Prompt >>
In the data below, which lines hold "Tessellation"? Copy every one.

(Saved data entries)
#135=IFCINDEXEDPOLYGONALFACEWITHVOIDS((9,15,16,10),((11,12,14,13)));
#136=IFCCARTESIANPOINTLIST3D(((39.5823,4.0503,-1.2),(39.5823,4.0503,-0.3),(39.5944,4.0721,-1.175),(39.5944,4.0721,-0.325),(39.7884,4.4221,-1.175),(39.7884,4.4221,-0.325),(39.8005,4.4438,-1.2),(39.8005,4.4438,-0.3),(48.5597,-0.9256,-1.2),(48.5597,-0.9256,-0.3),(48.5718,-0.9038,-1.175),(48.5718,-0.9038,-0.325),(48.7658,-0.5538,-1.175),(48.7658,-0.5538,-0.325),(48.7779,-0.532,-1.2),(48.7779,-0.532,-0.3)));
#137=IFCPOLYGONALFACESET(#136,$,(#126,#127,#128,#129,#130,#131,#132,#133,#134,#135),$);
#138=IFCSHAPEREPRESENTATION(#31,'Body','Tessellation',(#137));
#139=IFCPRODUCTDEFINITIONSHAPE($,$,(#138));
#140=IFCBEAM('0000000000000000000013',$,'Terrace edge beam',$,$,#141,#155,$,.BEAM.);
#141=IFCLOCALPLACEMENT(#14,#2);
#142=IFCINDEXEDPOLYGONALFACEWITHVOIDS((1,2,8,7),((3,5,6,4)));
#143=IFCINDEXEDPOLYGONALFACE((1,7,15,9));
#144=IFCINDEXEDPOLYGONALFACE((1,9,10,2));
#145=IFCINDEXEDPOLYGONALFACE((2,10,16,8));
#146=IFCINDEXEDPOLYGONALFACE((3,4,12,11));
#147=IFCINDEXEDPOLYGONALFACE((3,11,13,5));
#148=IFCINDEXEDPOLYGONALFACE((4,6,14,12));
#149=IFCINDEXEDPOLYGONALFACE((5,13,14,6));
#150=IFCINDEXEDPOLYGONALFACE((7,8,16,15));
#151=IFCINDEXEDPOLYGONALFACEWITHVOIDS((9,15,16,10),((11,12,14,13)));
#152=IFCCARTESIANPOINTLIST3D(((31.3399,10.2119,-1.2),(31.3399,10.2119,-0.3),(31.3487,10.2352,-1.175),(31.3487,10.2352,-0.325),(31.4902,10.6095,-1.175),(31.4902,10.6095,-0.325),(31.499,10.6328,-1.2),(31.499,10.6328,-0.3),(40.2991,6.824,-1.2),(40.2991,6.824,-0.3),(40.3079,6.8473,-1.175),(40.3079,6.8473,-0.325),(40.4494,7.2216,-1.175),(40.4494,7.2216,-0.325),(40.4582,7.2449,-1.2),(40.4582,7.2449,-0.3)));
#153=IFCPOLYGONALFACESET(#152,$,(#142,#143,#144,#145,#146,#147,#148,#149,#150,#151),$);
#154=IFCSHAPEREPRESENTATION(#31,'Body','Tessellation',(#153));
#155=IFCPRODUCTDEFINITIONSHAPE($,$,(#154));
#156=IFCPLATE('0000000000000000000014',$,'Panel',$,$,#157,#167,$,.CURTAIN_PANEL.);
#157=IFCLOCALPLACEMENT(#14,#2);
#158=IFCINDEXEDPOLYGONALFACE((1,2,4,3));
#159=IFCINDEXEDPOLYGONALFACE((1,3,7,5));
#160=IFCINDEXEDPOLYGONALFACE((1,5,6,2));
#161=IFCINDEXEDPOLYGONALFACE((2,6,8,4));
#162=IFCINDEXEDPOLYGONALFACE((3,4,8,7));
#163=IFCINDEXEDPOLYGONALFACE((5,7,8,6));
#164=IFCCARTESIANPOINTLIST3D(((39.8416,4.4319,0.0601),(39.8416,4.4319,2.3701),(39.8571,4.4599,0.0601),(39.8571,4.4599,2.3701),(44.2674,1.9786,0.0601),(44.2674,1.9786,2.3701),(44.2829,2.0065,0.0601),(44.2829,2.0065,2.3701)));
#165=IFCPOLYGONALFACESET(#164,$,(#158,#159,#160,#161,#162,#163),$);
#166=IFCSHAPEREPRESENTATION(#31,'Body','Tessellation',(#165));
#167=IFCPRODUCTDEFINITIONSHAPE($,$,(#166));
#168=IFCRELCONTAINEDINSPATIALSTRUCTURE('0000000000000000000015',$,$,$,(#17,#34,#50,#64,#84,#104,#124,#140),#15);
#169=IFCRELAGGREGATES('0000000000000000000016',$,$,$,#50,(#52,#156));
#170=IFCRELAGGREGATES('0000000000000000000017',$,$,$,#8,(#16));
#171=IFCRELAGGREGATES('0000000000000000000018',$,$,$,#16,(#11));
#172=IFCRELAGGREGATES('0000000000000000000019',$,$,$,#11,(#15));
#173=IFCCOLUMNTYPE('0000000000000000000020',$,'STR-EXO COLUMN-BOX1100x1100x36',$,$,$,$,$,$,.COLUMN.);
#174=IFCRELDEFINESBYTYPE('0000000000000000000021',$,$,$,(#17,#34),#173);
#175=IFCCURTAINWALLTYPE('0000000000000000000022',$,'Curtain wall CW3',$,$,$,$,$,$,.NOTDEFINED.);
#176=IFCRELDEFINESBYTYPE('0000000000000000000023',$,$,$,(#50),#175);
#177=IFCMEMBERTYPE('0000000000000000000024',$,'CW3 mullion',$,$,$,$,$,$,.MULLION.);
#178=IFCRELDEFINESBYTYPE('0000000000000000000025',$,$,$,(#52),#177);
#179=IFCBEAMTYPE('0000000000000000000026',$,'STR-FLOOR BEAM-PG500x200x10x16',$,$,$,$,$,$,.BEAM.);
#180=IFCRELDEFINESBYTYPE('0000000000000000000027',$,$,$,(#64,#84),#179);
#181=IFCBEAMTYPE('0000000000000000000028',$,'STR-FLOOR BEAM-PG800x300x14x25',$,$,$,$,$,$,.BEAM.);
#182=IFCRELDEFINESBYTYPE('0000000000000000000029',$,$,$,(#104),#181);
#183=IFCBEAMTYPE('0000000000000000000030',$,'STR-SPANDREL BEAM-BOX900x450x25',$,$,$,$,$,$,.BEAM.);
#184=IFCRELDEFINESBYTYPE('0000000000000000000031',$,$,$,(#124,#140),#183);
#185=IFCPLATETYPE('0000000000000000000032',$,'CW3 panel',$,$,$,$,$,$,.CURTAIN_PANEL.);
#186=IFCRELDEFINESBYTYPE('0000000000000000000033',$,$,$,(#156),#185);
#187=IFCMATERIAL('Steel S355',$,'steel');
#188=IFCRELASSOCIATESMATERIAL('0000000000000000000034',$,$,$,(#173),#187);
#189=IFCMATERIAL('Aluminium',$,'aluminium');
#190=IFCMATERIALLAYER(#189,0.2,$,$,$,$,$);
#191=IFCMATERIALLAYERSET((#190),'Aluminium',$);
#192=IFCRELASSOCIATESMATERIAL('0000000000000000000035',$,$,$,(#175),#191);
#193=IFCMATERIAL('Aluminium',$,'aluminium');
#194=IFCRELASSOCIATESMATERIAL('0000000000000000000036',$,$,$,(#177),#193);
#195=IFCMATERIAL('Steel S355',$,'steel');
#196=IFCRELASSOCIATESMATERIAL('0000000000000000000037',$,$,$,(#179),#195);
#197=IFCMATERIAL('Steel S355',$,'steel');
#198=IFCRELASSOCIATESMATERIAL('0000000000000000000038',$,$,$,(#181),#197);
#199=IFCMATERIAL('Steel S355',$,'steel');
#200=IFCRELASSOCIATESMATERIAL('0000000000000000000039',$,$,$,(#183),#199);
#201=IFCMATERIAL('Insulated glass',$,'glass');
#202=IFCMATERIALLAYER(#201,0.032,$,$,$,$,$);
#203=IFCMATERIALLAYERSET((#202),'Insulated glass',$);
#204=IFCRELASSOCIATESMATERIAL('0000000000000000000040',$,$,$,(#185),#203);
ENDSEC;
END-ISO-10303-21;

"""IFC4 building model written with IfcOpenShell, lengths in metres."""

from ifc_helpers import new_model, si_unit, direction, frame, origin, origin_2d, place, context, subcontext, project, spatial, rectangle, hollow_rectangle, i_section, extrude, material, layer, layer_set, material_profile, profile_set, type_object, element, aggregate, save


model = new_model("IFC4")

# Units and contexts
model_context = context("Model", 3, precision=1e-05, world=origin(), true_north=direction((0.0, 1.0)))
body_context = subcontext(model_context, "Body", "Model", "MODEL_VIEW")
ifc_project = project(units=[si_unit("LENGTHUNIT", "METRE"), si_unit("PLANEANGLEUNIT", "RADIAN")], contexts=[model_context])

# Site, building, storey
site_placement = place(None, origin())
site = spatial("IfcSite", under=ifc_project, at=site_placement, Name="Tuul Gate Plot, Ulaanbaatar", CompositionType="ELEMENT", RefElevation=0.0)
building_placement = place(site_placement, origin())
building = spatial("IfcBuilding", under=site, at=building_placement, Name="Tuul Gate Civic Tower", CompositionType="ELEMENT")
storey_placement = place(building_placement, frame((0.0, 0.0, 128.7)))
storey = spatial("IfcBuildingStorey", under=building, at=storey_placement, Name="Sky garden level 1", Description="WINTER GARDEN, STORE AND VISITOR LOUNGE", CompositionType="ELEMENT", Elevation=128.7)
...
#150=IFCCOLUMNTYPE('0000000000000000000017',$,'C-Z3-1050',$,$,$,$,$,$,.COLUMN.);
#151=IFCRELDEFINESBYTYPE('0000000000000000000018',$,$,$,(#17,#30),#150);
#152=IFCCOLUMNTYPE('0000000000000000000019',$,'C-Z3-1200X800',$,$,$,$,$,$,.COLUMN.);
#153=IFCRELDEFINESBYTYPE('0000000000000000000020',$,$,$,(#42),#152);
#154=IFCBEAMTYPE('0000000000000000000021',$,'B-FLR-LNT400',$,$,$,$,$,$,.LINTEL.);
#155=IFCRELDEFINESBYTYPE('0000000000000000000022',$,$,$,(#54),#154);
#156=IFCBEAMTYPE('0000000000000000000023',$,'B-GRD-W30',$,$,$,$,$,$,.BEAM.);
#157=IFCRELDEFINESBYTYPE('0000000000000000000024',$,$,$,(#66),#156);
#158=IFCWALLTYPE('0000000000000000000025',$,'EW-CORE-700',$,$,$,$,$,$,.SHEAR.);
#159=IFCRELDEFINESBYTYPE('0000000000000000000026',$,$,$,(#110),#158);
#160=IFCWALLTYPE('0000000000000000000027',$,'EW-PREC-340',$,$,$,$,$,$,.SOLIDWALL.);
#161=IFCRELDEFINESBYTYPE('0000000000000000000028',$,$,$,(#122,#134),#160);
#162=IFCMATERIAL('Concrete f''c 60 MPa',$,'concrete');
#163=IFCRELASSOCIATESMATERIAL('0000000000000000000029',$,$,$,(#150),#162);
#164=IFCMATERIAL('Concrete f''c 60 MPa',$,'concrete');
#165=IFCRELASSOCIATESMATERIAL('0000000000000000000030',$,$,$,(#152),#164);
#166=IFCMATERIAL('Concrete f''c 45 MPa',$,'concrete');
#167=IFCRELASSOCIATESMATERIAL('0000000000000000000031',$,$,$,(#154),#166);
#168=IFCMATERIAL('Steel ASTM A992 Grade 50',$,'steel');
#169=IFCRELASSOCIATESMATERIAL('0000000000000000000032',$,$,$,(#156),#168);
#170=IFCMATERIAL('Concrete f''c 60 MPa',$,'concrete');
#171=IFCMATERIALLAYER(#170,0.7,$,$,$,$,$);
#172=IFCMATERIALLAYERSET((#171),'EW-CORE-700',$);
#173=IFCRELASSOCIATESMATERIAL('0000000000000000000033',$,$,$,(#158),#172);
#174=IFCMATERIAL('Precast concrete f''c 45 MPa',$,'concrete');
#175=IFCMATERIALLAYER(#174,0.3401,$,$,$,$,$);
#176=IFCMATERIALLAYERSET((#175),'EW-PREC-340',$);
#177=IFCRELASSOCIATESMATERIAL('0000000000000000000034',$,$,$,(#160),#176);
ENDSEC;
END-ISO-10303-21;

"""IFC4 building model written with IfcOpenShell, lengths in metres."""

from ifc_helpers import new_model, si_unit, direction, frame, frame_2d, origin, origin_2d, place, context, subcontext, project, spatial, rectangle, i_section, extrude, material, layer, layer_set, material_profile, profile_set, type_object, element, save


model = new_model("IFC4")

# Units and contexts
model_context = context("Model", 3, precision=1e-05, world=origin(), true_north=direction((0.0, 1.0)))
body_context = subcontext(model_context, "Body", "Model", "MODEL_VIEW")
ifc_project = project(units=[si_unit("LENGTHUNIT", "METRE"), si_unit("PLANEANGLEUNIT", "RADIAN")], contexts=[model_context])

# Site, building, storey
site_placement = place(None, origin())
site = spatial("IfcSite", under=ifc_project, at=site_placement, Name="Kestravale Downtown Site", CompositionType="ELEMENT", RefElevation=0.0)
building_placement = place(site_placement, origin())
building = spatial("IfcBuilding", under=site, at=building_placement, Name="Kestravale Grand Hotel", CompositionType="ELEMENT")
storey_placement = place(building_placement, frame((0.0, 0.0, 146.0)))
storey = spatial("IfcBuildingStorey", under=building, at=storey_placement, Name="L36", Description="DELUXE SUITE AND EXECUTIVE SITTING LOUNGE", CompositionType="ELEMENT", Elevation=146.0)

Result of this exercise >>
#138=IFCSHAPEREPRESENTATION(#31,'Body','Tessellation',(#137));
#154=IFCSHAPEREPRESENTATION(#31,'Body','Tessellation',(#153));
#166=IFCSHAPEREPRESENTATION(#31,'Body','Tessellation',(#165));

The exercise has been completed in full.